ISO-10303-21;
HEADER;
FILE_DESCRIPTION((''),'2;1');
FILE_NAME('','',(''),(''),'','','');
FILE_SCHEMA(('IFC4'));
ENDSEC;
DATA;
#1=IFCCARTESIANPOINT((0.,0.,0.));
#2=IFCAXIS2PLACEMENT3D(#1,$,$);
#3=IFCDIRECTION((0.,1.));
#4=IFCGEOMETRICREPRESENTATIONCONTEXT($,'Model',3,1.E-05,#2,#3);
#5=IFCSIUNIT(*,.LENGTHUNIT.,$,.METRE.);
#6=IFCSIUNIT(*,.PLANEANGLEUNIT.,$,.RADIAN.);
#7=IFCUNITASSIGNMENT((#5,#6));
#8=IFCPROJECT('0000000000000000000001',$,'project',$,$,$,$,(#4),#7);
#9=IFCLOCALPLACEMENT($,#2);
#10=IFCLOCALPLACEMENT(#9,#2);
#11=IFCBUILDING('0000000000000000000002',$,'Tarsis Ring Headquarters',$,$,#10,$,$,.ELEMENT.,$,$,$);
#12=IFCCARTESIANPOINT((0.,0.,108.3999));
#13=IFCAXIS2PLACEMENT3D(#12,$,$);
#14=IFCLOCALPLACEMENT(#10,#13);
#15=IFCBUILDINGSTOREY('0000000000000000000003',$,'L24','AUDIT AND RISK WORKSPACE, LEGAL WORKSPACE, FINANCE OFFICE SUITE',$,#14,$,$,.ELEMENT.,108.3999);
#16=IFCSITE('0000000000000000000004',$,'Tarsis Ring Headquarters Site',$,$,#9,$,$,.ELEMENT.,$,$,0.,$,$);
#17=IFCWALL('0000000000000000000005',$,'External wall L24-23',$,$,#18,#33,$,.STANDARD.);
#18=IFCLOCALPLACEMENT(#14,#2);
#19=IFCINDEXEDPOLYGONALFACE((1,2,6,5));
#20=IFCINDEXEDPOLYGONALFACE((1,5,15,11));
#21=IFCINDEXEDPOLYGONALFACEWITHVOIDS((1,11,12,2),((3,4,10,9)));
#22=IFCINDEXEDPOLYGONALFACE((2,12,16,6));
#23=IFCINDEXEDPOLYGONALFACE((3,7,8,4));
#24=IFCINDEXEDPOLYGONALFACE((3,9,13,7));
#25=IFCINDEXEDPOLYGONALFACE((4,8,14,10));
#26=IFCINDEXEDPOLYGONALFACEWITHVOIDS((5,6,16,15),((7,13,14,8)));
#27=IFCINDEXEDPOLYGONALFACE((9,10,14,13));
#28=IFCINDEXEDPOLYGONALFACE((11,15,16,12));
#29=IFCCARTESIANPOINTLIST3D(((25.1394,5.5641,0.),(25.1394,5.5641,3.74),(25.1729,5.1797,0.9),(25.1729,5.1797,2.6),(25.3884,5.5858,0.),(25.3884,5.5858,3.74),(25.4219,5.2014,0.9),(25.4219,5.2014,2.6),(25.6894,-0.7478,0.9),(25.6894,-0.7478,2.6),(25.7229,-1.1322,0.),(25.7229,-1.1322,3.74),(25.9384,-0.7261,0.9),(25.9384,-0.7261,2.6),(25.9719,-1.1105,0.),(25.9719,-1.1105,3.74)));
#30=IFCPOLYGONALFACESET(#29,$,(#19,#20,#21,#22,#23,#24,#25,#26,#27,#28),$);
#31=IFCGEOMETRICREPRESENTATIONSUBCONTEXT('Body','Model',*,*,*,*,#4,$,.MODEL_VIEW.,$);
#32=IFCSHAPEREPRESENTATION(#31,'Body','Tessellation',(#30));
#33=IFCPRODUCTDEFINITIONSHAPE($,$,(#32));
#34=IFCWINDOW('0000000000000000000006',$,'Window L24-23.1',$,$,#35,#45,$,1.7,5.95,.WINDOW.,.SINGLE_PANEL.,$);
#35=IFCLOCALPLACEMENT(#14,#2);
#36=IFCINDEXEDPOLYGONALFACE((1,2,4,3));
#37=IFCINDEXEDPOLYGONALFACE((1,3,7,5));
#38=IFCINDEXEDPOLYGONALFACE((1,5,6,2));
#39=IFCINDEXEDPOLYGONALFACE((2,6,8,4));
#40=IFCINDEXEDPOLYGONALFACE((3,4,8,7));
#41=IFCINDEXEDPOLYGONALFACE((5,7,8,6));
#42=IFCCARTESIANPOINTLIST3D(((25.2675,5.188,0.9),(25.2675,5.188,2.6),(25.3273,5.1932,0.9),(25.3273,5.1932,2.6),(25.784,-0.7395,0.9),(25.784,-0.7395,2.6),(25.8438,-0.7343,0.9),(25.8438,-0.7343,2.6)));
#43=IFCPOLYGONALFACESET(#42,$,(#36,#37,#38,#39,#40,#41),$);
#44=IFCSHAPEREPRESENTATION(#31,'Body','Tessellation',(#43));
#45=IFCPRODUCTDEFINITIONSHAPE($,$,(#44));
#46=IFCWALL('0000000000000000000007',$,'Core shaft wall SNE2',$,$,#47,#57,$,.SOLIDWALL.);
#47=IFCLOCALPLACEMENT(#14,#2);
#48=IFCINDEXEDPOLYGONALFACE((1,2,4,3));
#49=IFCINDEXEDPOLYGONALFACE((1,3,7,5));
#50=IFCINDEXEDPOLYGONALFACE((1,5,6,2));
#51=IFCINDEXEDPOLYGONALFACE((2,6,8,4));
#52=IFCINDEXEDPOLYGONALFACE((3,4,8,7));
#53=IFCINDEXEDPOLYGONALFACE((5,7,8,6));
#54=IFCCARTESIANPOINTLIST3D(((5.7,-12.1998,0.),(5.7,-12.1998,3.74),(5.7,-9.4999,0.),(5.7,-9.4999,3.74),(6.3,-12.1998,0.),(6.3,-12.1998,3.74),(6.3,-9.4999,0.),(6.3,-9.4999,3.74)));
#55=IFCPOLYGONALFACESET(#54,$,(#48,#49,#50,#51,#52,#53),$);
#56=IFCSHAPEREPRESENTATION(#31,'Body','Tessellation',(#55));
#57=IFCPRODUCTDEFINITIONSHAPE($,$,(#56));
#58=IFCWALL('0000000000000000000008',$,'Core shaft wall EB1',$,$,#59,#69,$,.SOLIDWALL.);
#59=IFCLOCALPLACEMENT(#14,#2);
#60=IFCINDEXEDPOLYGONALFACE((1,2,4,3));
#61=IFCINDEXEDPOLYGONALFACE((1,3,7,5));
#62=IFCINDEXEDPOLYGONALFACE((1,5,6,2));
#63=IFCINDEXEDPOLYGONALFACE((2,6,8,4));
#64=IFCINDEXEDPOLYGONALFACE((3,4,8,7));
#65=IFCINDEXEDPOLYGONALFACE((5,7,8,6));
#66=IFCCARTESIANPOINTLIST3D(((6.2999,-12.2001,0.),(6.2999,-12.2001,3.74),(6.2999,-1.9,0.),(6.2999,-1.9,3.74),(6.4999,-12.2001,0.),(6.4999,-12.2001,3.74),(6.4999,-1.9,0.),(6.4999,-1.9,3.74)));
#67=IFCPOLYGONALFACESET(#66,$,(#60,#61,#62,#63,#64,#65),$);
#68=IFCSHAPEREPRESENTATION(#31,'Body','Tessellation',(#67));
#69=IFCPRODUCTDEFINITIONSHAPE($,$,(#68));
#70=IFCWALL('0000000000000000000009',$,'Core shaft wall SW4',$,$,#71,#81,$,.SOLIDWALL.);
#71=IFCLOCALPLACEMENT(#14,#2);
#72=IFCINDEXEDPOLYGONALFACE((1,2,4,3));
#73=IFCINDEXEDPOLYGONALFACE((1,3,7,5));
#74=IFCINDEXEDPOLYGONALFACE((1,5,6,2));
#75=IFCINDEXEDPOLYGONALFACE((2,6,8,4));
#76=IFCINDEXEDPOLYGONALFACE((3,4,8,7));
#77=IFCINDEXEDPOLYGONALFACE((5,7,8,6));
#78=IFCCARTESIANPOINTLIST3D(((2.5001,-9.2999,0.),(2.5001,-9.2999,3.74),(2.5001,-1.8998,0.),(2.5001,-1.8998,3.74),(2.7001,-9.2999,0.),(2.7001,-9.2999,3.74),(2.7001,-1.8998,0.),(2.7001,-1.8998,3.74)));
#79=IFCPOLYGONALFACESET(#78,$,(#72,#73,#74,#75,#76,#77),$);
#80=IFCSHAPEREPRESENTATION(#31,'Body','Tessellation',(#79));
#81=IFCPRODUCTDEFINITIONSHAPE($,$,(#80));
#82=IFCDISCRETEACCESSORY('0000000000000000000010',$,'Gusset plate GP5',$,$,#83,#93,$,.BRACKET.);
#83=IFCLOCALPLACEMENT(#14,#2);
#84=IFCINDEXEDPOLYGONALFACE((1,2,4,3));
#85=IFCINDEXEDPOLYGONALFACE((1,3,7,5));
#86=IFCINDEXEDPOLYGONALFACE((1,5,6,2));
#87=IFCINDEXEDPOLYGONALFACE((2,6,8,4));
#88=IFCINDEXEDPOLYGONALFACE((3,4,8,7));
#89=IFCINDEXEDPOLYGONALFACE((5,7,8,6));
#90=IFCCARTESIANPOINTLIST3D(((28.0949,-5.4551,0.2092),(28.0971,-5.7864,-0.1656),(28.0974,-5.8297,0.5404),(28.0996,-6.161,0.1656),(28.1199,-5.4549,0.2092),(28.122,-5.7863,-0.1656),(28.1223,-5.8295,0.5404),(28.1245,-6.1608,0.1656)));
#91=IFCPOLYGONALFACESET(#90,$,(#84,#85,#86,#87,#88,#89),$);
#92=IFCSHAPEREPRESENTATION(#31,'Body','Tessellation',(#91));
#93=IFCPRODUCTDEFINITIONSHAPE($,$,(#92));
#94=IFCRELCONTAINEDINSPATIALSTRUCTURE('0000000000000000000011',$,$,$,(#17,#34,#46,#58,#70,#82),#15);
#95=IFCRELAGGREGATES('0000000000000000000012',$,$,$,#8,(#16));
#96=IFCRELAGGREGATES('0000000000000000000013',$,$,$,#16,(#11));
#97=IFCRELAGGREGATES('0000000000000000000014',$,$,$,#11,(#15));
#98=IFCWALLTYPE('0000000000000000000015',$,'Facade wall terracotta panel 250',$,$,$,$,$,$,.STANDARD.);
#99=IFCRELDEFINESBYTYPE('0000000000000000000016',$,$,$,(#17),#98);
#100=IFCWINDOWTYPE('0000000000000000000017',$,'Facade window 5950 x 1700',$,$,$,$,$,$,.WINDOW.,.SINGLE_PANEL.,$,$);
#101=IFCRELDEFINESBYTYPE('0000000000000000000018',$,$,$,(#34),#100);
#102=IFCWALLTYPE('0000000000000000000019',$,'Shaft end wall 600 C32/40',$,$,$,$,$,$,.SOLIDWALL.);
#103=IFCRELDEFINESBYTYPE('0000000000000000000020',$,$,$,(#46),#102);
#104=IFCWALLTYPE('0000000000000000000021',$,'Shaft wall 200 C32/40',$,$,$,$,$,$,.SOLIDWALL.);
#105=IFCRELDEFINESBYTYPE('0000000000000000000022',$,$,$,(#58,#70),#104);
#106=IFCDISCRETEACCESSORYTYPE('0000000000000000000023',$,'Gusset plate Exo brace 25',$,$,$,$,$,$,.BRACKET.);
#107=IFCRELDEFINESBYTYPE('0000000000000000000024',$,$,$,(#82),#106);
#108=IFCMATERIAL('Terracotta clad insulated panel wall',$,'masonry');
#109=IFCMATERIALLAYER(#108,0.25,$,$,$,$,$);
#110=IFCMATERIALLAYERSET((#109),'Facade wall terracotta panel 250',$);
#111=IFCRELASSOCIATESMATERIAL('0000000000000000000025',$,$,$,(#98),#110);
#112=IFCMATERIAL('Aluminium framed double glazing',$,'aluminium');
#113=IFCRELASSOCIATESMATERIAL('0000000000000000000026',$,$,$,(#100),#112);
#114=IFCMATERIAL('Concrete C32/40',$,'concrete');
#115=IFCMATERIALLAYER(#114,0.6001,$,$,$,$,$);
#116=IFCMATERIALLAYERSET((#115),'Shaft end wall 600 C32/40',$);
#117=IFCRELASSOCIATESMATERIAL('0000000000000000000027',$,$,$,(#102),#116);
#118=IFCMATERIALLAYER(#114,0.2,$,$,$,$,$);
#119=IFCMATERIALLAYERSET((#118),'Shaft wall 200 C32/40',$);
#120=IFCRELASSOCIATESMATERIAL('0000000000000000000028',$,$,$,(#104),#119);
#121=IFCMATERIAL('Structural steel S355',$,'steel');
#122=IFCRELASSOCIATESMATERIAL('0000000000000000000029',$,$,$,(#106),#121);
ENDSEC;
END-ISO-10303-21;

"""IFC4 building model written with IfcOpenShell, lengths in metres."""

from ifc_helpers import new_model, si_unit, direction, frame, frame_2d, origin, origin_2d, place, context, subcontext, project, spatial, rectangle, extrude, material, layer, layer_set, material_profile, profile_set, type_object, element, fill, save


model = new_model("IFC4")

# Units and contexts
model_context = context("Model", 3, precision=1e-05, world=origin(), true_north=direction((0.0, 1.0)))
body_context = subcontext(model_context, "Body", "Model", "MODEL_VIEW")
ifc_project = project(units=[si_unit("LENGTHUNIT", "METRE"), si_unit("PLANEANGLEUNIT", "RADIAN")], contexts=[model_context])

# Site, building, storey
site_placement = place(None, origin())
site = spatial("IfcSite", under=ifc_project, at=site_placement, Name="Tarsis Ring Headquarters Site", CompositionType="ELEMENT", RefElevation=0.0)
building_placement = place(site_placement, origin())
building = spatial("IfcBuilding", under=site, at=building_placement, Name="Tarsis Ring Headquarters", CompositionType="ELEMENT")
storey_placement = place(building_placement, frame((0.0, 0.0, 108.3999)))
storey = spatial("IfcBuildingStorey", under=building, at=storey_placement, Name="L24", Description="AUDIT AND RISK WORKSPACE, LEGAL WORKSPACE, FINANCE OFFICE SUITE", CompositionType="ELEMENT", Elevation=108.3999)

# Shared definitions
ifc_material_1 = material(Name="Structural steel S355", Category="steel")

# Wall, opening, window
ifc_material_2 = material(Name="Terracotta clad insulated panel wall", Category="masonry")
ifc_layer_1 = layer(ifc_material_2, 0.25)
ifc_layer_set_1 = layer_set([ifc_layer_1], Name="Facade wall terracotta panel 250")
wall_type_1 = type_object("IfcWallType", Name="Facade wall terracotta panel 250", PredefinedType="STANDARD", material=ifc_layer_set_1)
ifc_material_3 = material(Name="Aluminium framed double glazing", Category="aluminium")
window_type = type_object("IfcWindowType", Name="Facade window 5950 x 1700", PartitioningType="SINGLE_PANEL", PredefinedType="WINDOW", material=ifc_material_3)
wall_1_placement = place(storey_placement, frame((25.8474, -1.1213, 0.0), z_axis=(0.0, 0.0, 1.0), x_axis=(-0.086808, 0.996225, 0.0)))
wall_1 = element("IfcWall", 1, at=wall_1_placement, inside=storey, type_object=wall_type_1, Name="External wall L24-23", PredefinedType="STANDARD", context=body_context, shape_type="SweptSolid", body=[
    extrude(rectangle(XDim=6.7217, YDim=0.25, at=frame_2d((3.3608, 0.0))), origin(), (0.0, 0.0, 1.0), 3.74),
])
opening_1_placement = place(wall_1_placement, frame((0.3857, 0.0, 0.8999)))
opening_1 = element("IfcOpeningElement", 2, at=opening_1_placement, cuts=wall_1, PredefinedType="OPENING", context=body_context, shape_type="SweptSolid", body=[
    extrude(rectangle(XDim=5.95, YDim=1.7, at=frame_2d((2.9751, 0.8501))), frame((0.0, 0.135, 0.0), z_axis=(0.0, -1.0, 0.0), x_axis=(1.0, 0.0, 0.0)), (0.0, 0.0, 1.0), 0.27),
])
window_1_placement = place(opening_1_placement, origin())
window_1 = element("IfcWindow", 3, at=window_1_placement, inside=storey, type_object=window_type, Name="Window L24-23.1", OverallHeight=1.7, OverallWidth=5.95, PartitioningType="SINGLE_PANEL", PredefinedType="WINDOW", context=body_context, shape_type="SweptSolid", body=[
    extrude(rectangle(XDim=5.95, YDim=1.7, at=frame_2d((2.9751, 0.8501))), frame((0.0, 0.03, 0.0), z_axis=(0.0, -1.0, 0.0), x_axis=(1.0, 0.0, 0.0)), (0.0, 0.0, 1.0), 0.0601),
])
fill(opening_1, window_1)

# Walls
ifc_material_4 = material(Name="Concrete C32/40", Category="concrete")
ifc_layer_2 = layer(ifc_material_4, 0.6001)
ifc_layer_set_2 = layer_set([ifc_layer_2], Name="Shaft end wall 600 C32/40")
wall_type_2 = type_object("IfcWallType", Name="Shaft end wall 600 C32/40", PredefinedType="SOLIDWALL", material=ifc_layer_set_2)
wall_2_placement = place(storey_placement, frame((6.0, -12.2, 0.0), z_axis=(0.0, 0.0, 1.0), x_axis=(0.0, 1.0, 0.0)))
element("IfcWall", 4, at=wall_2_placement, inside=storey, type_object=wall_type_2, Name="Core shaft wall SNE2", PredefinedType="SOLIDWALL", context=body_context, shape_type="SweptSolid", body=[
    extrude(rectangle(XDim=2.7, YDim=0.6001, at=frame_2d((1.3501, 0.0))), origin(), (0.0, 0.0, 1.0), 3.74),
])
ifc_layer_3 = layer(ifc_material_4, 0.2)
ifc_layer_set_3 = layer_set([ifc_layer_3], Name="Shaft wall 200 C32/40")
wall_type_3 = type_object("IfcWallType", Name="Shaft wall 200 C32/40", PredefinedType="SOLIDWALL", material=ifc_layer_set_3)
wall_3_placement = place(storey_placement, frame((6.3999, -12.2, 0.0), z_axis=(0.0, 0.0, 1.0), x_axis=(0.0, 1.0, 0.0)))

#### ASSIGNED TASK:
Search the data above for the string "BRACKET" and copy each line that has it.

#### SOLUTION TO THIS EXERCISE:
#82=IFCDISCRETEACCESSORY('0000000000000000000010',$,'Gusset plate GP5',$,$,#83,#93,$,.BRACKET.);
#106=IFCDISCRETEACCESSORYTYPE('0000000000000000000023',$,'Gusset plate Exo brace 25',$,$,$,$,$,$,.BRACKET.);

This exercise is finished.